__What to do__
Beginning with the very first line, please reproduce the entries exactly through the line containing "#163=IFCRELAGGREGATES('0000000000000000000010',$,$,$,#8,(#16));".

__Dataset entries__
[Start of section]

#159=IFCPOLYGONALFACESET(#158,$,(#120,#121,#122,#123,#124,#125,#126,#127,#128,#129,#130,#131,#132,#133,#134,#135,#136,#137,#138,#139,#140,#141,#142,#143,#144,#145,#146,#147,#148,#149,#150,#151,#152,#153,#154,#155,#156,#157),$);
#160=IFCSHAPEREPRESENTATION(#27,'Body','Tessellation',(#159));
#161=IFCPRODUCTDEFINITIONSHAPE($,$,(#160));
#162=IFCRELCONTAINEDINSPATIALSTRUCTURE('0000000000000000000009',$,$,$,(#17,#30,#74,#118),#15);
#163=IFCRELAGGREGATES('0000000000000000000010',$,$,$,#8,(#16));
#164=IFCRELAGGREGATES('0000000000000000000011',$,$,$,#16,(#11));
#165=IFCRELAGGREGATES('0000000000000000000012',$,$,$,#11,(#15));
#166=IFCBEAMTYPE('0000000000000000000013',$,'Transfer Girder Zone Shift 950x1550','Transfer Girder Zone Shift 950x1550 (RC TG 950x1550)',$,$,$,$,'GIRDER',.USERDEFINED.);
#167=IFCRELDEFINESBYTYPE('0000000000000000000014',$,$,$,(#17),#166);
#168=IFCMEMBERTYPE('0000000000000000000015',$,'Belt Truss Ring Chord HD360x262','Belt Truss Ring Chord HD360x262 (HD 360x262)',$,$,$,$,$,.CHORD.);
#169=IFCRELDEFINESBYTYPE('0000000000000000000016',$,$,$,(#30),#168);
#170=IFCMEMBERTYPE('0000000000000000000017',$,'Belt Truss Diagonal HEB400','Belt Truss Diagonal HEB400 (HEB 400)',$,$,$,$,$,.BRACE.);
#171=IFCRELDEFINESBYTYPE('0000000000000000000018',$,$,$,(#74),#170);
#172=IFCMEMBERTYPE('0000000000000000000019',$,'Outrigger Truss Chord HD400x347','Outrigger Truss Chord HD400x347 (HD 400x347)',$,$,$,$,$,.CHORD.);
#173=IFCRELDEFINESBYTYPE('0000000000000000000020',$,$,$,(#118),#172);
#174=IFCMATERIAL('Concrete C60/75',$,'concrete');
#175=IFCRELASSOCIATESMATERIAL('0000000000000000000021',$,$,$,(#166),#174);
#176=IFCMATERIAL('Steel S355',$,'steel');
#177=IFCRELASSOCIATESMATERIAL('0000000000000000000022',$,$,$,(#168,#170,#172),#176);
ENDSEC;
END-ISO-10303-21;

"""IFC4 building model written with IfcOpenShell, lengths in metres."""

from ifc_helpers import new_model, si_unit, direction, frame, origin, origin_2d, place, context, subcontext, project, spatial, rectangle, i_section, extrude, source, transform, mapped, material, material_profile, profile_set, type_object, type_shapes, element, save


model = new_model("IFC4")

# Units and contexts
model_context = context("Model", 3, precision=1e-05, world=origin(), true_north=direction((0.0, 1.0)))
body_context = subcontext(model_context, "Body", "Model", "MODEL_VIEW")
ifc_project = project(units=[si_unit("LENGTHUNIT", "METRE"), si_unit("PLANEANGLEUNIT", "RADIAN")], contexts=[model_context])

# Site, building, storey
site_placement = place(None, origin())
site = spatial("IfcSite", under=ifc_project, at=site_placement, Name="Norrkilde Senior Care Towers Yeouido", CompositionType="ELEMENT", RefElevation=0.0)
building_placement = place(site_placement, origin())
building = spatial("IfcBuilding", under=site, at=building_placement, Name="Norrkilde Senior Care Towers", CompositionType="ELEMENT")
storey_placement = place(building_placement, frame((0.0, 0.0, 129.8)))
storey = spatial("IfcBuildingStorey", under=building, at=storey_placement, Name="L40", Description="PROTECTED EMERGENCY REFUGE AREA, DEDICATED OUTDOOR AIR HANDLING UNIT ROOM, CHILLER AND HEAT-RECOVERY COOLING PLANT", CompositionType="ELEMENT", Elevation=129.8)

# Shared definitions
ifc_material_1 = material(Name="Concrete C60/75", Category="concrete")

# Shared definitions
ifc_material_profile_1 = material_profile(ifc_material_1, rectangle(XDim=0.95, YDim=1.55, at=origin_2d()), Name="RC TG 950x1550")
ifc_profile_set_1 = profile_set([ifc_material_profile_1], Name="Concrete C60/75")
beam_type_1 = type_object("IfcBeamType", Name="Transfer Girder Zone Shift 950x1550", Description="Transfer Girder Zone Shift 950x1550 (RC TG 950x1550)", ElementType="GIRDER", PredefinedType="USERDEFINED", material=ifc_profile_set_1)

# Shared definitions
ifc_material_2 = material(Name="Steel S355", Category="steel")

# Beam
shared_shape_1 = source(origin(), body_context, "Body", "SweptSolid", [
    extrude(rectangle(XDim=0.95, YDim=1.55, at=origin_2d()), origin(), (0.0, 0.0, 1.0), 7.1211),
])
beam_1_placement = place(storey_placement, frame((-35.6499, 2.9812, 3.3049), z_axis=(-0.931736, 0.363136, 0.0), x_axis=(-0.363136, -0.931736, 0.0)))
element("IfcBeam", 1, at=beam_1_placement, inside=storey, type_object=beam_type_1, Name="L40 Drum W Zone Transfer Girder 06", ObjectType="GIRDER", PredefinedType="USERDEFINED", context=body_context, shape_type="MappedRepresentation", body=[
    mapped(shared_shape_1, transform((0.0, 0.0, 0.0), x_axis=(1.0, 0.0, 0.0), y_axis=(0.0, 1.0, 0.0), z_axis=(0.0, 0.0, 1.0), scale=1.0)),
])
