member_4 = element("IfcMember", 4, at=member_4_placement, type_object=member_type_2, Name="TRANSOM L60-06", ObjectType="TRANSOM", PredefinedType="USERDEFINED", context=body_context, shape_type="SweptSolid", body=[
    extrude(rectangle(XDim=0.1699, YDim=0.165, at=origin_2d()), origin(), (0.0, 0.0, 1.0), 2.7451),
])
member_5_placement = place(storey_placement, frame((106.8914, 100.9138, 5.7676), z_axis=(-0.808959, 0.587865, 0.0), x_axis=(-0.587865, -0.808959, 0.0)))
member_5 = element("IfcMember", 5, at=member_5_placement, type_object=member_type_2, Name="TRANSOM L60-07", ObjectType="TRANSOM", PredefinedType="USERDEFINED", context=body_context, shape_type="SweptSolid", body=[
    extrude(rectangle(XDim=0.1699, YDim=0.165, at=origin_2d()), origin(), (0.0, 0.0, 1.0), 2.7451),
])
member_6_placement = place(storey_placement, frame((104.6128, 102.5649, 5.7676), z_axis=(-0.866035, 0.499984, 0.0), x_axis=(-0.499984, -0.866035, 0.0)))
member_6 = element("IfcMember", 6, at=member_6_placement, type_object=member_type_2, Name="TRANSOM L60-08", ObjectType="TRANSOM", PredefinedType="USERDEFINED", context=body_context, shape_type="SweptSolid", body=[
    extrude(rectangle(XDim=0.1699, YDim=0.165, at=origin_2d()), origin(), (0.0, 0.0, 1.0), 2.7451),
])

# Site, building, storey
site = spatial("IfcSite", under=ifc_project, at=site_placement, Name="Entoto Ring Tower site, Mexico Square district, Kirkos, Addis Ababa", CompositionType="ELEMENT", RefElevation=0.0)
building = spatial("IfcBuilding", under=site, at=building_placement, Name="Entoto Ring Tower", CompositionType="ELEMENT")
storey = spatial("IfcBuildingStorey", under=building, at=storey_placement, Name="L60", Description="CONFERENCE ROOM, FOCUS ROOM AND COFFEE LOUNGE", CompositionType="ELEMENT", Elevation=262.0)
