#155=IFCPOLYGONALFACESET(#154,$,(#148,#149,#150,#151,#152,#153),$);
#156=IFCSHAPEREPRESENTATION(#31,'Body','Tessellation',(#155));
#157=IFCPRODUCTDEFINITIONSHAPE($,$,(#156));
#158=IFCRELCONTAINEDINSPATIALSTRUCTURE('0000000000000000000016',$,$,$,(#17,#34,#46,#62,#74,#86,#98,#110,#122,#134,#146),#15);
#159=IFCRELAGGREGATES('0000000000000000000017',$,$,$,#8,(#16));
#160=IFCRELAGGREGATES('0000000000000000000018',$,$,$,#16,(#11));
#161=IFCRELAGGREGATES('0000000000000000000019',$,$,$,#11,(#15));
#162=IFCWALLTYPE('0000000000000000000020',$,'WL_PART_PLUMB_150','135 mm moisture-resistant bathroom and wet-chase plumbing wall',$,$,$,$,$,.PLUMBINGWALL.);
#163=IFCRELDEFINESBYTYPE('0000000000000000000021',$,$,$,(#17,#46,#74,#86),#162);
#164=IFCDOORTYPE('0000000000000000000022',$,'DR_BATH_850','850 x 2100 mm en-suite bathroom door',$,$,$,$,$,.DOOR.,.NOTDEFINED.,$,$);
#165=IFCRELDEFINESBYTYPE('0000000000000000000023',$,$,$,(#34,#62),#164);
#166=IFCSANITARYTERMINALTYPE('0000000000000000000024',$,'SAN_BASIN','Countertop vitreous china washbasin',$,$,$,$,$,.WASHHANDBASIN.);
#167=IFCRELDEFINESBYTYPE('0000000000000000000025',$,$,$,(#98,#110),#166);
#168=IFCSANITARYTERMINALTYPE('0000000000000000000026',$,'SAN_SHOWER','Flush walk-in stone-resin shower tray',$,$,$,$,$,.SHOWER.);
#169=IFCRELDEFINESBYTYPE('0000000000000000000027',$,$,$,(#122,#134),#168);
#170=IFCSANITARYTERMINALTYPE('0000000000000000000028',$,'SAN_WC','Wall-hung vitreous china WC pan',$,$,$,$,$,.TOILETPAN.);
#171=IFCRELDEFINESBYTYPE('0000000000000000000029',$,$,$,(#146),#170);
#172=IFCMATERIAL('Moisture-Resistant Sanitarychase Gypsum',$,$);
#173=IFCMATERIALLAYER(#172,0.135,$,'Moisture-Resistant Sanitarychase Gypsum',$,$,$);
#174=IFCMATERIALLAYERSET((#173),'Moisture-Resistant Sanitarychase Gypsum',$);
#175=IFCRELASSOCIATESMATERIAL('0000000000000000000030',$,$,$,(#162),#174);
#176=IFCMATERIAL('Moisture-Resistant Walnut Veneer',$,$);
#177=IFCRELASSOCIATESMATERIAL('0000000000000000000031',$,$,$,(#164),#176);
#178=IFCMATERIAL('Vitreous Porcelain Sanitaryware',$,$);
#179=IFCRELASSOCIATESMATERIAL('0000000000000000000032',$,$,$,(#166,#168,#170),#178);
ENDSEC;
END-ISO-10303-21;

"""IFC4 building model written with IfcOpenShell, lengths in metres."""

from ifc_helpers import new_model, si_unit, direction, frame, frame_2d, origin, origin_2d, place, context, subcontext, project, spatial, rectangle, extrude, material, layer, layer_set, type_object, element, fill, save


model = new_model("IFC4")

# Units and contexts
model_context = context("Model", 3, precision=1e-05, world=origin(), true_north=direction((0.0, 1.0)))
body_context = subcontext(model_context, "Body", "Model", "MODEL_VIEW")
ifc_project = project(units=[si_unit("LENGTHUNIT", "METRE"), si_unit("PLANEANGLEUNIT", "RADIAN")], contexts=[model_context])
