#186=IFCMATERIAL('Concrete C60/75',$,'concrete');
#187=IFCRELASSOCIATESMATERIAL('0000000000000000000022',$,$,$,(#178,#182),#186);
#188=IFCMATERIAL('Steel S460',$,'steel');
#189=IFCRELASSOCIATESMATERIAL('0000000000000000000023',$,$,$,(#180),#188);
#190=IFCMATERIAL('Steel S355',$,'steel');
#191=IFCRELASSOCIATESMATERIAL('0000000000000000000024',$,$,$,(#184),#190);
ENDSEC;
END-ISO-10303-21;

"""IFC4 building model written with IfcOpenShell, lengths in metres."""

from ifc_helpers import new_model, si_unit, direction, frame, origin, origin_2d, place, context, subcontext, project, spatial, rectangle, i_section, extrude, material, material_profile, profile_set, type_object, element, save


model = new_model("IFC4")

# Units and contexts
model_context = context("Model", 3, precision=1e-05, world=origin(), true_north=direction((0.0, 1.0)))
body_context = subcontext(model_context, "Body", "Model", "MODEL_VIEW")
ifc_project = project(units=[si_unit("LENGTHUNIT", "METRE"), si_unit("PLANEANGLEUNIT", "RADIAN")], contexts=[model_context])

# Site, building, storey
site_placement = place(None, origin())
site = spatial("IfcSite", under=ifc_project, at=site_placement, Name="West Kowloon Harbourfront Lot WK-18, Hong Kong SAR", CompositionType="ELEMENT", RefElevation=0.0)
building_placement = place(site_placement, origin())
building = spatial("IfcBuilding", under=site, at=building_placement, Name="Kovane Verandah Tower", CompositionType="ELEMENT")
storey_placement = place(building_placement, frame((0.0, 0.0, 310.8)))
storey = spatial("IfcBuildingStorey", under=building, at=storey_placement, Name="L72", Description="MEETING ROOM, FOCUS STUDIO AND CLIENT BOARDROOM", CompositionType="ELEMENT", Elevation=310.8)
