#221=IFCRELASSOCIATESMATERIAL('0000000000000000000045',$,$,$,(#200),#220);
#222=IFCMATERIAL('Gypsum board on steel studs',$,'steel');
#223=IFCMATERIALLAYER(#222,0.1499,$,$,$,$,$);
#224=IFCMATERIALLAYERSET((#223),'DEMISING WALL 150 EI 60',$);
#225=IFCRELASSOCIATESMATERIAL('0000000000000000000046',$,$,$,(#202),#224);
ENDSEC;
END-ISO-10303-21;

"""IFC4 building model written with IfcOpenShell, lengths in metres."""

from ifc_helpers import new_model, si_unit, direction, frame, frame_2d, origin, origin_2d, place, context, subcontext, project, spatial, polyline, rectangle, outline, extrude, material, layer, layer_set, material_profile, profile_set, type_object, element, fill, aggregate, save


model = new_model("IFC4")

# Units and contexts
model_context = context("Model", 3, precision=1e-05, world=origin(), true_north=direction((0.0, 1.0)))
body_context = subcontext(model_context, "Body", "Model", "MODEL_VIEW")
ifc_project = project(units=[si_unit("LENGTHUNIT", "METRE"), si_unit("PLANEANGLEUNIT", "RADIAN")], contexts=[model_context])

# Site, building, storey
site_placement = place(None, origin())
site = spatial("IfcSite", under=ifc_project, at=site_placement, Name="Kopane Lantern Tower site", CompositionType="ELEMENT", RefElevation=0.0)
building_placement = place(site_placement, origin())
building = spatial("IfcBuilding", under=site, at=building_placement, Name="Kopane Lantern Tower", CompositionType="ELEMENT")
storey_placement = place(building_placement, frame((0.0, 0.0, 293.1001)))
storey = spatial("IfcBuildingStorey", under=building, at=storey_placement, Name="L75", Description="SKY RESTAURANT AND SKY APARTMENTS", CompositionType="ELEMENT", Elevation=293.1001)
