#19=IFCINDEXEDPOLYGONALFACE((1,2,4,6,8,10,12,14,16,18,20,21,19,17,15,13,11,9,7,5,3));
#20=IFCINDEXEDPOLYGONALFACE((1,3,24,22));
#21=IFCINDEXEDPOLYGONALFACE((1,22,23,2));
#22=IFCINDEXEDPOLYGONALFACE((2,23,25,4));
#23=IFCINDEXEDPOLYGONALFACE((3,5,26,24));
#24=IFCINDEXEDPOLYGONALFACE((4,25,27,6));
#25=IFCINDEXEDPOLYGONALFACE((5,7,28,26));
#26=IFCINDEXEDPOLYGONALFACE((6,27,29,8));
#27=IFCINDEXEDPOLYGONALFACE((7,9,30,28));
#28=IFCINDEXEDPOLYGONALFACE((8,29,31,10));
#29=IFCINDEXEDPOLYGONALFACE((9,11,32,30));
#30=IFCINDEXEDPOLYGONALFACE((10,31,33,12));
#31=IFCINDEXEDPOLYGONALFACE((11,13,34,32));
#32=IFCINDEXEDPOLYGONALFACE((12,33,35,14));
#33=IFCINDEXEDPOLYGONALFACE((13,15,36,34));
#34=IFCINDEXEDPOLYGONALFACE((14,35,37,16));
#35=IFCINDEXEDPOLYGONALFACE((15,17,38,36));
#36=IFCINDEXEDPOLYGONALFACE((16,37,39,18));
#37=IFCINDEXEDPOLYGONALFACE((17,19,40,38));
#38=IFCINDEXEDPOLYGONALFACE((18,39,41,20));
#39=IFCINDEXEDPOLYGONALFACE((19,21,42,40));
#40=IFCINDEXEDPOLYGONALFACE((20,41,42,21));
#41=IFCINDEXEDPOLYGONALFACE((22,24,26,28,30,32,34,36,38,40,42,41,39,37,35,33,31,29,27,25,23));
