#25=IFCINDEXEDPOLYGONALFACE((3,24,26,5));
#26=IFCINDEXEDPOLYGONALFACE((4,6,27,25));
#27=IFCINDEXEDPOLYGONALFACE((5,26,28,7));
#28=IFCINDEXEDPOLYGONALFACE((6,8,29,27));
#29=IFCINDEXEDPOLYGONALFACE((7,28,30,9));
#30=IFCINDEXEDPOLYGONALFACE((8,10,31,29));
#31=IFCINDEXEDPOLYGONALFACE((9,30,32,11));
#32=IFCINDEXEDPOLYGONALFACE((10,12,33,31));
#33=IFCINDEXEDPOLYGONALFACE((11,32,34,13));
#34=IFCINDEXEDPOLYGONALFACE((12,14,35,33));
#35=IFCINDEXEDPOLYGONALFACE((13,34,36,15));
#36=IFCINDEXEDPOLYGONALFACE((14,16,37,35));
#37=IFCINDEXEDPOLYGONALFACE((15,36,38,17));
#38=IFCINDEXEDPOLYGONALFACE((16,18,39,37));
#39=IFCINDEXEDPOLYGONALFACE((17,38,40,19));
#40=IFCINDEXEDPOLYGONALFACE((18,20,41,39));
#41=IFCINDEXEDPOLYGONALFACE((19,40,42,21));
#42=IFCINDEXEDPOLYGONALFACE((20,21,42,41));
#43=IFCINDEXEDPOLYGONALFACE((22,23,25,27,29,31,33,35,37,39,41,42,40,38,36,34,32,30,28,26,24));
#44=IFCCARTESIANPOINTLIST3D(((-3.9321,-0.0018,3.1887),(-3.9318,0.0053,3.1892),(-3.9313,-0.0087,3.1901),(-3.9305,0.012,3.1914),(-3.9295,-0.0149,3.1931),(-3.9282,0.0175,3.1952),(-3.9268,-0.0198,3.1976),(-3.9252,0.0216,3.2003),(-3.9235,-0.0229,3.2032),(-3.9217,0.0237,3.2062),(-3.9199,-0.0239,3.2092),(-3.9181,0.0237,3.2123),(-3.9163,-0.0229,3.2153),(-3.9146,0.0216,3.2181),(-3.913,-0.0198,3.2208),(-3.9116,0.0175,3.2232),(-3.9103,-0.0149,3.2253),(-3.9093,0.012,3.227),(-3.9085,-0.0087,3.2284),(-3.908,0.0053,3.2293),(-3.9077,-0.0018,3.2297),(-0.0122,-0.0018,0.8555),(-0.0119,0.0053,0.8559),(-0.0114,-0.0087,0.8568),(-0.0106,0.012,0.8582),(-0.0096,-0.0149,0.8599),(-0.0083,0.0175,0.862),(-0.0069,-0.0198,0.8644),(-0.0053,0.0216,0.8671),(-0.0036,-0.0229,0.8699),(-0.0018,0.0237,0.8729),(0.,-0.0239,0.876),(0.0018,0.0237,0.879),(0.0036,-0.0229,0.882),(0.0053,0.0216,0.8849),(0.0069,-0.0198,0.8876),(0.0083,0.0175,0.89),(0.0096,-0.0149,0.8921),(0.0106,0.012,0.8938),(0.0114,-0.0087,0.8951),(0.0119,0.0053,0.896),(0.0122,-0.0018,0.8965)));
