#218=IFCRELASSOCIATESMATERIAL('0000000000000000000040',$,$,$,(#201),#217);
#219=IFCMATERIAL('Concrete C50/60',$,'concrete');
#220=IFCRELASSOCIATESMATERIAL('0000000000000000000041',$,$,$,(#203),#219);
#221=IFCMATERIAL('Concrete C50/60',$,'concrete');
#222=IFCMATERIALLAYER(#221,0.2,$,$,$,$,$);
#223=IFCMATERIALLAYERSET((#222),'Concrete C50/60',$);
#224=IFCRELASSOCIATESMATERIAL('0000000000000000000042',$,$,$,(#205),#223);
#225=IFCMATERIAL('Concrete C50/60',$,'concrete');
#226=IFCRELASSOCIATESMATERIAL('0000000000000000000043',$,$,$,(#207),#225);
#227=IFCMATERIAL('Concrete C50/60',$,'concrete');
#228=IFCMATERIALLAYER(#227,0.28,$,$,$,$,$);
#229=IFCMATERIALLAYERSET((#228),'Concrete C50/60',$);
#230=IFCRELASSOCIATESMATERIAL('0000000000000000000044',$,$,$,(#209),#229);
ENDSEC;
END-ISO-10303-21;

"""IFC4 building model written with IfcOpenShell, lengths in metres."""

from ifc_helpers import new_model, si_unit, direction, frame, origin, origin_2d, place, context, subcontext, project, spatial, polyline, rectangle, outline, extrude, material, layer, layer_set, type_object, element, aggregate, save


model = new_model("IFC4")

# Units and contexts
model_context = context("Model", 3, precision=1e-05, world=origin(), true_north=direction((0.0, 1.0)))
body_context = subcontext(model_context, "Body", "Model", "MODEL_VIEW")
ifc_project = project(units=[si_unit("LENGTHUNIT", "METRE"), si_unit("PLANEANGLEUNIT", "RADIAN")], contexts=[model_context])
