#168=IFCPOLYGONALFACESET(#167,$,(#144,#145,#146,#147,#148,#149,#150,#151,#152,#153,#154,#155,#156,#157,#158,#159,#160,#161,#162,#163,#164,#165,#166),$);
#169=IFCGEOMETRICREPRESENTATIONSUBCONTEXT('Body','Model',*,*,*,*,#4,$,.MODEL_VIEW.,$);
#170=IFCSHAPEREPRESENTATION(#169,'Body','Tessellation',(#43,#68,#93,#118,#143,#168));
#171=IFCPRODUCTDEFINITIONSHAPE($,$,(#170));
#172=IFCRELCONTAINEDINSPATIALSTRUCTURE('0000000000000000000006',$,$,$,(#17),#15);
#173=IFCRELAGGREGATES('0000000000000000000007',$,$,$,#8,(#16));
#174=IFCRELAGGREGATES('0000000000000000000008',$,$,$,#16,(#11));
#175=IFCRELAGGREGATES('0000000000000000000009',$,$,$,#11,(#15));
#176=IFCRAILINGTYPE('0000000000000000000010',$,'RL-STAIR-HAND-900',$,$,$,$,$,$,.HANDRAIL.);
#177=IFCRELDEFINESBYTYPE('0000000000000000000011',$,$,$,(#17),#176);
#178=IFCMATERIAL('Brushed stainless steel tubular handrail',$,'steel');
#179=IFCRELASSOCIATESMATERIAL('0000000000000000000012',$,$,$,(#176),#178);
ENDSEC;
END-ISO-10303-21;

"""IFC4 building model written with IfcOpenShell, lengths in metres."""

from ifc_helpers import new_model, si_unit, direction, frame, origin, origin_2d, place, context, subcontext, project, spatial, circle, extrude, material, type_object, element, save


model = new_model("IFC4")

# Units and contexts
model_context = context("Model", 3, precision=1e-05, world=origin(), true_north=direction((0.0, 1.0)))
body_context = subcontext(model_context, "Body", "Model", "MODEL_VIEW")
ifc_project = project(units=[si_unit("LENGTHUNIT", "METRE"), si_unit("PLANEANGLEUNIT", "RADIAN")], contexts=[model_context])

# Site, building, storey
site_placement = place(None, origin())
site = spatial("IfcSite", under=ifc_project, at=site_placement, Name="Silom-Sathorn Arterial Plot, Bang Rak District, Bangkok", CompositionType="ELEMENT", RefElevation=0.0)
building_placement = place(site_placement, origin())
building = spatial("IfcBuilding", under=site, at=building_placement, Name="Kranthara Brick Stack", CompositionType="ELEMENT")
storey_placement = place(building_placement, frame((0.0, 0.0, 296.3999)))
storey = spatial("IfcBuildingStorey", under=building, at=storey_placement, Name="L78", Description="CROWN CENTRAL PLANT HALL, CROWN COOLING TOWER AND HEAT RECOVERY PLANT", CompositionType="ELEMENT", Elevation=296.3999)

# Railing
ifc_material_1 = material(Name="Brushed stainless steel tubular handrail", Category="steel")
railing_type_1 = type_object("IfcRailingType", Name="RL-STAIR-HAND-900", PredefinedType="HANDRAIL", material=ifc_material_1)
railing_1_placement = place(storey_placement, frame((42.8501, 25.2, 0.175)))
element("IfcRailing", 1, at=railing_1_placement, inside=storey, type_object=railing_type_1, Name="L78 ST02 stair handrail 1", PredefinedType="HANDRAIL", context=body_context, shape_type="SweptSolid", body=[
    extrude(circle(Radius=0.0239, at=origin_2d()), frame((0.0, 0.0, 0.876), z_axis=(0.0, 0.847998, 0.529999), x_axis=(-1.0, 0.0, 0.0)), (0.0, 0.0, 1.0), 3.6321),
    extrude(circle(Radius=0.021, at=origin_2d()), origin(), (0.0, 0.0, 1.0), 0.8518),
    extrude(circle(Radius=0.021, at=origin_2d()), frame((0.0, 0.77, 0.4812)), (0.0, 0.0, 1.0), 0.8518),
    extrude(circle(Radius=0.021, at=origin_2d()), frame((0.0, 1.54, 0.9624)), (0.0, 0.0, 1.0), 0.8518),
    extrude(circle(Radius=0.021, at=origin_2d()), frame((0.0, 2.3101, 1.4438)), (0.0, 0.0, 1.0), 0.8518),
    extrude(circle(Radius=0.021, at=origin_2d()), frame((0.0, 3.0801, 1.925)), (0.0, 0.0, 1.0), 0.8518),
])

[End of section]

__Problem solution__
#159=IFCPOLYGONALFACESET(#158,$,(#120,#121,#122,#123,#124,#125,#126,#127,#128,#129,#130,#131,#132,#133,#134,#135,#136,#137,#138,#139,#140,#141,#142,#143,#144,#145,#146,#147,#148,#149,#150,#151,#152,#153,#154,#155,#156,#157),$);
#160=IFCSHAPEREPRESENTATION(#27,'Body','Tessellation',(#159));
#161=IFCPRODUCTDEFINITIONSHAPE($,$,(#160));
#162=IFCRELCONTAINEDINSPATIALSTRUCTURE('0000000000000000000009',$,$,$,(#17,#30,#74,#118),#15);
#163=IFCRELAGGREGATES('0000000000000000000010',$,$,$,#8,(#16));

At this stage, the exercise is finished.